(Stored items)
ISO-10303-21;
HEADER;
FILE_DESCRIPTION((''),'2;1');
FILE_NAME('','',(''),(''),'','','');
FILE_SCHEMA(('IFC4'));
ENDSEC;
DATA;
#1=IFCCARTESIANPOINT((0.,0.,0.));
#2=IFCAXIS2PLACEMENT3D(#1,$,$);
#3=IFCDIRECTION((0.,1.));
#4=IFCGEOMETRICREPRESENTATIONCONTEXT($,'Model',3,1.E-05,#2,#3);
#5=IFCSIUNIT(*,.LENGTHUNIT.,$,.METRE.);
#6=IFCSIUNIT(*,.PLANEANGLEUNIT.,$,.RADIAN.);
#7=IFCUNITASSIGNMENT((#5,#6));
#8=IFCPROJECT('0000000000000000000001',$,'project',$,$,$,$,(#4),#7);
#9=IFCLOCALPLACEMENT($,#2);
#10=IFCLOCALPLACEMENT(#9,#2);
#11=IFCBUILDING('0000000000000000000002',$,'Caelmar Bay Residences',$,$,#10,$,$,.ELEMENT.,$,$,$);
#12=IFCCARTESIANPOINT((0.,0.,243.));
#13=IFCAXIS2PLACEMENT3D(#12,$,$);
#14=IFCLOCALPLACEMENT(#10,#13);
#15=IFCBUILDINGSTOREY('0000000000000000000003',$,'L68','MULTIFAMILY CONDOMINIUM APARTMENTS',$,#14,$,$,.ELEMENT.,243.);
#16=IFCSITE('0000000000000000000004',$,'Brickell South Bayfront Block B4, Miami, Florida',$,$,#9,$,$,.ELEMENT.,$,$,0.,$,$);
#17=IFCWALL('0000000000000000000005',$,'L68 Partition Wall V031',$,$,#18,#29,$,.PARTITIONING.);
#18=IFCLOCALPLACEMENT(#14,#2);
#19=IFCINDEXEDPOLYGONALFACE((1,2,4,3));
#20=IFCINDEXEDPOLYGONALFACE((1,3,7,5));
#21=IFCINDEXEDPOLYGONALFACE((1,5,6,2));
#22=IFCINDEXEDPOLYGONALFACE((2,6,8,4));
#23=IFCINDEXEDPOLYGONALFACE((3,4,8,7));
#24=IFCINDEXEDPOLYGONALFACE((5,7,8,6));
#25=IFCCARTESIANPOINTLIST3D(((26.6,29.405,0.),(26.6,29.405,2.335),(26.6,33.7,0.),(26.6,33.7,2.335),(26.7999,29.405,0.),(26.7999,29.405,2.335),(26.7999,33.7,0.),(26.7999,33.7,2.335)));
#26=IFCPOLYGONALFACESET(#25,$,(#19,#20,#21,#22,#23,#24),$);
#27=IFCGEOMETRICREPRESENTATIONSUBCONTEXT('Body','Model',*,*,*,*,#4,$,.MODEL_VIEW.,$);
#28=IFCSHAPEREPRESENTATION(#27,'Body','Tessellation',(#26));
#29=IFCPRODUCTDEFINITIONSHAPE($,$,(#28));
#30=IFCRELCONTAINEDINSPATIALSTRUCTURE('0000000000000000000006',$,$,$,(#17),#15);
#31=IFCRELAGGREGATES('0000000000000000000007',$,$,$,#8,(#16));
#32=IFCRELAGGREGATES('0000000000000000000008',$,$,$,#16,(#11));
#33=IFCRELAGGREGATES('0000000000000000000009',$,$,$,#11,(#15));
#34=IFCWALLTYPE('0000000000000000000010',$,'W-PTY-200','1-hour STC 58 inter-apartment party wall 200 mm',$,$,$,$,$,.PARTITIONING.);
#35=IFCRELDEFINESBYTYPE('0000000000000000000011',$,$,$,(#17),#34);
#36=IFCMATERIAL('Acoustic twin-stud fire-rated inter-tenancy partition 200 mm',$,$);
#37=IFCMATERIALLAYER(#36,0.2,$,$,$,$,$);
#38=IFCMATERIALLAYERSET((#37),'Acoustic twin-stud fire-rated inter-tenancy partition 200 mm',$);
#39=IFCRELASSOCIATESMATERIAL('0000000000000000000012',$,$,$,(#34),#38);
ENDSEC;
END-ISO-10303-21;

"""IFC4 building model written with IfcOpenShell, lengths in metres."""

from ifc_helpers import new_model, si_unit, direction, frame, frame_2d, origin, place, context, subcontext, project, spatial, rectangle, extrude, material, layer, layer_set, type_object, element, save


model = new_model("IFC4")

# Units and contexts
model_context = context("Model", 3, precision=1e-05, world=origin(), true_north=direction((0.0, 1.0)))
body_context = subcontext(model_context, "Body", "Model", "MODEL_VIEW")
ifc_project = project(units=[si_unit("LENGTHUNIT", "METRE"), si_unit("PLANEANGLEUNIT", "RADIAN")], contexts=[model_context])

# Site, building, storey
site_placement = place(None, origin())
site = spatial("IfcSite", under=ifc_project, at=site_placement, Name="Brickell South Bayfront Block B4, Miami, Florida", CompositionType="ELEMENT", RefElevation=0.0)
building_placement = place(site_placement, origin())
building = spatial("IfcBuilding", under=site, at=building_placement, Name="Caelmar Bay Residences", CompositionType="ELEMENT")
storey_placement = place(building_placement, frame((0.0, 0.0, 243.0)))
storey = spatial("IfcBuildingStorey", under=building, at=storey_placement, Name="L68", Description="MULTIFAMILY CONDOMINIUM APARTMENTS", CompositionType="ELEMENT", Elevation=243.0)

# Wall
ifc_material_1 = material(Name="Acoustic twin-stud fire-rated inter-tenancy partition 200 mm")
ifc_layer_1 = layer(ifc_material_1, 0.2)
ifc_layer_set_1 = layer_set([ifc_layer_1], Name="Acoustic twin-stud fire-rated inter-tenancy partition 200 mm")
wall_type_1 = type_object("IfcWallType", Name="W-PTY-200", Description="1-hour STC 58 inter-apartment party wall 200 mm", PredefinedType="PARTITIONING", material=ifc_layer_set_1)
wall_1_placement = place(storey_placement, frame((26.7, 29.405, 0.0), z_axis=(0.0, 0.0, 1.0), x_axis=(0.0, 1.0, 0.0)))
element("IfcWall", 1, at=wall_1_placement, inside=storey, type_object=wall_type_1, Name="L68 Partition Wall V031", PredefinedType="PARTITIONING", context=body_context, shape_type="SweptSolid", body=[
    extrude(rectangle(XDim=4.2949, YDim=0.2, at=frame_2d((2.1475, 0.0))), origin(), (0.0, 0.0, 1.0), 2.335),
])

save(model, "model.ifc")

**Exercise objective:**
Word for word, please print every line from the beginning of the records to the line bearing "#6=IFCSIUNIT(*,.PLANEANGLEUNIT.,$,.RADIAN.);", counting both ends and stopping there.

**Finished task:**
ISO-10303-21;
HEADER;
FILE_DESCRIPTION((''),'2;1');
FILE_NAME('','',(''),(''),'','','');
FILE_SCHEMA(('IFC4'));
ENDSEC;
DATA;
#1=IFCCARTESIANPOINT((0.,0.,0.));
#2=IFCAXIS2PLACEMENT3D(#1,$,$);
#3=IFCDIRECTION((0.,1.));
#4=IFCGEOMETRICREPRESENTATIONCONTEXT($,'Model',3,1.E-05,#2,#3);
#5=IFCSIUNIT(*,.LENGTHUNIT.,$,.METRE.);
#6=IFCSIUNIT(*,.PLANEANGLEUNIT.,$,.RADIAN.);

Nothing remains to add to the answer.